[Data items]
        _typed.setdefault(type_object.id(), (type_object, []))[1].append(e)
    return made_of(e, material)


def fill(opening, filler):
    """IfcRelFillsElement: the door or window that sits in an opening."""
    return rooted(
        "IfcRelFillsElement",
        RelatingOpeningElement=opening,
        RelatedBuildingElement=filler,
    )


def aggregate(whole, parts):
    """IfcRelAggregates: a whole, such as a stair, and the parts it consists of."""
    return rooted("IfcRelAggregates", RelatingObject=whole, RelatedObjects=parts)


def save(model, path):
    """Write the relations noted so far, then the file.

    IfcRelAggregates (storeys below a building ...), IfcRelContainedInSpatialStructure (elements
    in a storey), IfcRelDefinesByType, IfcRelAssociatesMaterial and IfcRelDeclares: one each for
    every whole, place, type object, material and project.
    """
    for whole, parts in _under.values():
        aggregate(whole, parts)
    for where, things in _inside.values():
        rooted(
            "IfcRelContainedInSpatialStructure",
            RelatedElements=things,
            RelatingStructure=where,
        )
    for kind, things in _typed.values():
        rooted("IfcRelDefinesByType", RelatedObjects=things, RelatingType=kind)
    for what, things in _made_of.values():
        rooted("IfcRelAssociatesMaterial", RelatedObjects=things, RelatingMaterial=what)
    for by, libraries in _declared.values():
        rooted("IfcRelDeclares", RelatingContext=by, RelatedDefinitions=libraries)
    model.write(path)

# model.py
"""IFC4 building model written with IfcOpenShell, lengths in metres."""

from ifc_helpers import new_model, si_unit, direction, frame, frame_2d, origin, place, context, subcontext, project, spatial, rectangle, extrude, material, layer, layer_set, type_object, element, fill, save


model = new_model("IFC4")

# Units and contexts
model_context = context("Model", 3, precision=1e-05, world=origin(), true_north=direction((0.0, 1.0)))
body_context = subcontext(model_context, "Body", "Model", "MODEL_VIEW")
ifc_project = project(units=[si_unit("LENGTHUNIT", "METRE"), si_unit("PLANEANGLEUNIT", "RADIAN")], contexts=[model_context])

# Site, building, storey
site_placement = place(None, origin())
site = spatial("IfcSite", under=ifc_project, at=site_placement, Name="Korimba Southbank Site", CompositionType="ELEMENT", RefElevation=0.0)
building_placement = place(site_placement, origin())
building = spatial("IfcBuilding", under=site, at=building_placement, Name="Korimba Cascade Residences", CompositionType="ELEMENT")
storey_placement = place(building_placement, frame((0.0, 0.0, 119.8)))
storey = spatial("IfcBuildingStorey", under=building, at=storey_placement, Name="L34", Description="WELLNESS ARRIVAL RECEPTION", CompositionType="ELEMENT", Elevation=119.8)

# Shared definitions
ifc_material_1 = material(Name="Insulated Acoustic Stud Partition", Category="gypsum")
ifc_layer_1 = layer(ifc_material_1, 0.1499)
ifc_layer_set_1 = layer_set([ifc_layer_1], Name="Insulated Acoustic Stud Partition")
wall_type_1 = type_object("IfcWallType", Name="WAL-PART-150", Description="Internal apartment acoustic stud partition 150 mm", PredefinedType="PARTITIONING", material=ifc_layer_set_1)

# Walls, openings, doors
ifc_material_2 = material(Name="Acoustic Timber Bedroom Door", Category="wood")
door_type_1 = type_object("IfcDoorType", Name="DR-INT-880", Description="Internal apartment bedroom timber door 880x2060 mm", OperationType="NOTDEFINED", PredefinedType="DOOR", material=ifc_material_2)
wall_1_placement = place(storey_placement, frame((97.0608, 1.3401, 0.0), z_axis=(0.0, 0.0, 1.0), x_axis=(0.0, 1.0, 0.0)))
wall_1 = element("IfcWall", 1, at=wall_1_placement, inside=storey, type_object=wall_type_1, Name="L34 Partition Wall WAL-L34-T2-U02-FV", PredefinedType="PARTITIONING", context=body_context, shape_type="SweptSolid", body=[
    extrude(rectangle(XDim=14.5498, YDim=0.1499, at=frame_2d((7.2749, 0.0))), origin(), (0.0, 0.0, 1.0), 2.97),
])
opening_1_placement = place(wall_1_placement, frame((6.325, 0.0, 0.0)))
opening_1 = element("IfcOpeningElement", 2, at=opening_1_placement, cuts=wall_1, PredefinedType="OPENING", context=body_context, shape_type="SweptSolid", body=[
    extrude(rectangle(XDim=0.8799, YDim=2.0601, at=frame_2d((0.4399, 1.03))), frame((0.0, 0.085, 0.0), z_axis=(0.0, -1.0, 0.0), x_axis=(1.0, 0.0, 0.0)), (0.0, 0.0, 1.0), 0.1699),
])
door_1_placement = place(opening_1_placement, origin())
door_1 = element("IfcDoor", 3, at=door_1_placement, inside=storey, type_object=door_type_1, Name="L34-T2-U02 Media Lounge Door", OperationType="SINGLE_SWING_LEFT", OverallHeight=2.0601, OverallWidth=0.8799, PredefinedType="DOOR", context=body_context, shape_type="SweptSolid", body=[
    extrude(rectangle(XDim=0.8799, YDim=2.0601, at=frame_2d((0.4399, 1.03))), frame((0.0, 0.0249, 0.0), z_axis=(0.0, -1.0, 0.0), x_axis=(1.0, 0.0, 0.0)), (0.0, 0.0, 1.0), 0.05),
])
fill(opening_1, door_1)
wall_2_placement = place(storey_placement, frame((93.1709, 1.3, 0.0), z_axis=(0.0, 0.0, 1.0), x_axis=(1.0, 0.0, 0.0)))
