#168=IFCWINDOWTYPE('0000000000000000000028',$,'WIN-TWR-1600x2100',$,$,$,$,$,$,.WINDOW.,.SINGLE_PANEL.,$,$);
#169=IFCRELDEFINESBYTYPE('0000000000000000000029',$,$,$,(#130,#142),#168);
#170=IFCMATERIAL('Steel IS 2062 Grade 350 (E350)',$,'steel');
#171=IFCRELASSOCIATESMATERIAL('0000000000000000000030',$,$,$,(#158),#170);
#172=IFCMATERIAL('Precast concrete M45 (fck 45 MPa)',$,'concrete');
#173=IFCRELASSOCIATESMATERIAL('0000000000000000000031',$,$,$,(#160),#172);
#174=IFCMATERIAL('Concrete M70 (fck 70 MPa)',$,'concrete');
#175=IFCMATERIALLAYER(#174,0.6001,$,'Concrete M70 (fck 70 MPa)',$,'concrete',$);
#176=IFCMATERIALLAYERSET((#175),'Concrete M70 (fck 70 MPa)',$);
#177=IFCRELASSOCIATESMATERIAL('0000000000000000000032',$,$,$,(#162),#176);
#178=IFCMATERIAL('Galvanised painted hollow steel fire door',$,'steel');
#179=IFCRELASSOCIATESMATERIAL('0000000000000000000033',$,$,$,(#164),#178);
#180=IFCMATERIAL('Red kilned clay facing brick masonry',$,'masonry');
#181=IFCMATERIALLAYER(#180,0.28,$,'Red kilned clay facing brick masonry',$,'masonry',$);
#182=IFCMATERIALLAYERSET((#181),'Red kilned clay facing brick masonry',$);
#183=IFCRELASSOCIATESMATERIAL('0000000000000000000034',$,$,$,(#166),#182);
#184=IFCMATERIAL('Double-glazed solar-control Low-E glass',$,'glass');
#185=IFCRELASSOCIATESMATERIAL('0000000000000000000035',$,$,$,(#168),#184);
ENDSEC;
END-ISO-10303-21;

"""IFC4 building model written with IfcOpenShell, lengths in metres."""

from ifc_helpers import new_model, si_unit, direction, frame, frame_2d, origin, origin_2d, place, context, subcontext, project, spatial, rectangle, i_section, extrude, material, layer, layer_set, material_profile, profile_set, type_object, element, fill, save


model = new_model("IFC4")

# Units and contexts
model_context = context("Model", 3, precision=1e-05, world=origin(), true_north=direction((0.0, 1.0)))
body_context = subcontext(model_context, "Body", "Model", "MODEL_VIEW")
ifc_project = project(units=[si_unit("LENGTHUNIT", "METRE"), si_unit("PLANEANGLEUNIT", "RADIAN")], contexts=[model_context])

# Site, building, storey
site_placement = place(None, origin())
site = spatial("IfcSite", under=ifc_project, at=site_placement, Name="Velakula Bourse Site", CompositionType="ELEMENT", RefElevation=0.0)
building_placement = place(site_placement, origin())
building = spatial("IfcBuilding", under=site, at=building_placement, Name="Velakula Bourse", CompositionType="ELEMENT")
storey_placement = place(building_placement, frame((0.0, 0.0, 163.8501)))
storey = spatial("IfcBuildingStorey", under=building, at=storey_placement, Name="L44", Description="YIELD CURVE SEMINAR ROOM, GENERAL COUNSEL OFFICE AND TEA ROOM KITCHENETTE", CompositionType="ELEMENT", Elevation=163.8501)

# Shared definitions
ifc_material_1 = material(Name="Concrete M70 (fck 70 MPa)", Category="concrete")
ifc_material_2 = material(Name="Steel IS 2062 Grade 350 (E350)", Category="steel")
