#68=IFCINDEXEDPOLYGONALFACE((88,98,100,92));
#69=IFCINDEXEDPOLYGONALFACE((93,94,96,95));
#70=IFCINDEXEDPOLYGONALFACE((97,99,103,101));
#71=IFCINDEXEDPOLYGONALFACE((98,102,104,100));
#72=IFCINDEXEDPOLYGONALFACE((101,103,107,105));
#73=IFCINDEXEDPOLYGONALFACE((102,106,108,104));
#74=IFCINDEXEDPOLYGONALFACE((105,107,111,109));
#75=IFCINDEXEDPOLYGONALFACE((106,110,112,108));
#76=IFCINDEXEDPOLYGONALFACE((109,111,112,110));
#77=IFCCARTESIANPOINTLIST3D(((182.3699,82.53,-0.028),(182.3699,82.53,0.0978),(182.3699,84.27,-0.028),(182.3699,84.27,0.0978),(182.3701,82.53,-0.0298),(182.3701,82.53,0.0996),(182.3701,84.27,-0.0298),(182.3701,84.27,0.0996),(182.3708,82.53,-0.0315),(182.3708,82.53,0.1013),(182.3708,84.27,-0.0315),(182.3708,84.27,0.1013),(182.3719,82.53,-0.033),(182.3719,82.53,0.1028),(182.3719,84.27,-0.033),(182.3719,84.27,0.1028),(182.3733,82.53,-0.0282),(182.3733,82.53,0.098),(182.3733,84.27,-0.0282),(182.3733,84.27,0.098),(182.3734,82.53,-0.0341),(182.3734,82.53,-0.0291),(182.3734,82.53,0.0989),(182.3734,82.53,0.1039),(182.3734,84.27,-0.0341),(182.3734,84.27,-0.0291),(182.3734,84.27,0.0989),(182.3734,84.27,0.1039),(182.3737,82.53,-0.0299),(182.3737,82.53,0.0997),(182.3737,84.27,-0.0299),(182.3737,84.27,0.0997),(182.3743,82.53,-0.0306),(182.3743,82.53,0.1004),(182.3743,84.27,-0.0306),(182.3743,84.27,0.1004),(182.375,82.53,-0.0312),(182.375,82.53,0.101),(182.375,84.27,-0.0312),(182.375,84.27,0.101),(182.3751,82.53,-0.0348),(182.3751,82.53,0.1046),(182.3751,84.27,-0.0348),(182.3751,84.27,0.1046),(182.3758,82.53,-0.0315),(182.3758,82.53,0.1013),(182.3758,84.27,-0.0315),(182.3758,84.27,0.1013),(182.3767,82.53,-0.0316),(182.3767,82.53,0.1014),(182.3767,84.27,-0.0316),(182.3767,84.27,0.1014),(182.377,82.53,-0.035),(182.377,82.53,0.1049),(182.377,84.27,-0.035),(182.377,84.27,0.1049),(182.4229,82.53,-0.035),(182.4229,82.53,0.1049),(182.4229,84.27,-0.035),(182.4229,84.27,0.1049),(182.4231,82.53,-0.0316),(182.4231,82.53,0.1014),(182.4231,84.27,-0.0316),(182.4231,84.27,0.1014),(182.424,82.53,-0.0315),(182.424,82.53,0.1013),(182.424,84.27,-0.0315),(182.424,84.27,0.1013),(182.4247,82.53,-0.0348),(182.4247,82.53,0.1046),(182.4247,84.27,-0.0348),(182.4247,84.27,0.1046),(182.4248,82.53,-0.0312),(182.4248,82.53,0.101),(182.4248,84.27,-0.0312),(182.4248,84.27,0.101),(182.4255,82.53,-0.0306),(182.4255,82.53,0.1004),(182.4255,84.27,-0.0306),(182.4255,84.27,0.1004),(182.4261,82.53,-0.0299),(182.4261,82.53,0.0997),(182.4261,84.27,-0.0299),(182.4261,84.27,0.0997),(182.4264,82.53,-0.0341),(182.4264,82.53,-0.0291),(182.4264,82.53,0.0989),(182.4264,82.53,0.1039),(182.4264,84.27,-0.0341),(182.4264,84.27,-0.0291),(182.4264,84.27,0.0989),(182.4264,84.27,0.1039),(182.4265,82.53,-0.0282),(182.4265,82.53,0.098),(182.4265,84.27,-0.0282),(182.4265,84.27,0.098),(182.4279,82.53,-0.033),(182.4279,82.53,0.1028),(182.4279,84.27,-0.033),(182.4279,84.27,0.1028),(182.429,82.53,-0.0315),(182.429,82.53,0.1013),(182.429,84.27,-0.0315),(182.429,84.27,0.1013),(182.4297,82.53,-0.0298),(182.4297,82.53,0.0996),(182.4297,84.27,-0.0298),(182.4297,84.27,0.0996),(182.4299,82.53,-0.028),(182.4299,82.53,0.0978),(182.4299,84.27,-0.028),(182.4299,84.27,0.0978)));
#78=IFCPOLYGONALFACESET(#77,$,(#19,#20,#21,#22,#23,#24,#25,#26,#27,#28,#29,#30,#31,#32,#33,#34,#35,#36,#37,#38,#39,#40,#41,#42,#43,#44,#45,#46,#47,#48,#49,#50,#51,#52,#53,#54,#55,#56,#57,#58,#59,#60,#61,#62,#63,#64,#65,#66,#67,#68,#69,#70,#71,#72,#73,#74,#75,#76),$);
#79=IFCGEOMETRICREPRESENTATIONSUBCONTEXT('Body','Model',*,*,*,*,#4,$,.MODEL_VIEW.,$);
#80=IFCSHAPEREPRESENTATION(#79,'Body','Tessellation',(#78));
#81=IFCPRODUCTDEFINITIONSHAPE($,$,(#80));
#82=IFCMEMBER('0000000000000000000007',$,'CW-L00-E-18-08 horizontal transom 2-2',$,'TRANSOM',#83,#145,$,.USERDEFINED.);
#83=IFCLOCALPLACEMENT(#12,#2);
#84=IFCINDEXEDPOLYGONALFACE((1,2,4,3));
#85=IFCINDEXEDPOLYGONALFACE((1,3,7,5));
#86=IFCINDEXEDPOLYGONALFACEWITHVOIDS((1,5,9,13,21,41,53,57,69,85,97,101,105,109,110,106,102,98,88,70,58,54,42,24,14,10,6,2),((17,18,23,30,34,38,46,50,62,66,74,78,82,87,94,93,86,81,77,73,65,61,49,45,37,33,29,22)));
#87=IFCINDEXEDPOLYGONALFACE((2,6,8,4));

* * *

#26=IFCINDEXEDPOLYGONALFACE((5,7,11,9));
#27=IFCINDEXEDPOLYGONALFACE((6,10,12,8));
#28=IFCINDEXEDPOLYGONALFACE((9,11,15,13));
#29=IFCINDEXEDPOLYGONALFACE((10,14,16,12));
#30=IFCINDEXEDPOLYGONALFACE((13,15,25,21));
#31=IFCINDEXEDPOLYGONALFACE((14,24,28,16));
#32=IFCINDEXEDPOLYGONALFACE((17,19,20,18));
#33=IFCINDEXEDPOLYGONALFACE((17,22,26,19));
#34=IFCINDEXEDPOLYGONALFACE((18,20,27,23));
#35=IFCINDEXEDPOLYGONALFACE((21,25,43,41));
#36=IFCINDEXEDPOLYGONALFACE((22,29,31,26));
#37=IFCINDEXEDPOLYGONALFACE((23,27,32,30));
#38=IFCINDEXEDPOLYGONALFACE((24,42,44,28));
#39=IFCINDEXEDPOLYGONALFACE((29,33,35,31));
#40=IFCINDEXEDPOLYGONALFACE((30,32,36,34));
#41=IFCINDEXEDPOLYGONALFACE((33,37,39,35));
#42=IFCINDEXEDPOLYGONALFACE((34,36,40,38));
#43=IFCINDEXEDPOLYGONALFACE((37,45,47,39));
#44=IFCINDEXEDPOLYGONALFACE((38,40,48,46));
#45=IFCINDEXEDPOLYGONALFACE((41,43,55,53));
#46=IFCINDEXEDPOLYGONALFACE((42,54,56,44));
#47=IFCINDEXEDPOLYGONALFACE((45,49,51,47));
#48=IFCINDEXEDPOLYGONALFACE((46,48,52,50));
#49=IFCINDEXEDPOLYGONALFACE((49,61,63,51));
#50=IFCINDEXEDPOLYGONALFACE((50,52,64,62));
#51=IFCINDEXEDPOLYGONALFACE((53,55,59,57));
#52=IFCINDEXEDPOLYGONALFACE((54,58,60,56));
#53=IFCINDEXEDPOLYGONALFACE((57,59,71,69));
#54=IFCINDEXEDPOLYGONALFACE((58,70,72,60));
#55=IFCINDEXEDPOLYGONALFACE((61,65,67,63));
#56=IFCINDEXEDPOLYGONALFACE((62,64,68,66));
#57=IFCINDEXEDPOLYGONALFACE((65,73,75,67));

● ASSIGNMENT
Read through the lines above and collect those that contain the string "steel".

● YOUR RESPONSE
#170=IFCMATERIAL('Steel IS 2062 Grade 350 (E350)',$,'steel');
#178=IFCMATERIAL('Galvanised painted hollow steel fire door',$,'steel');
ifc_material_2 = material(Name="Steel IS 2062 Grade 350 (E350)", Category="steel")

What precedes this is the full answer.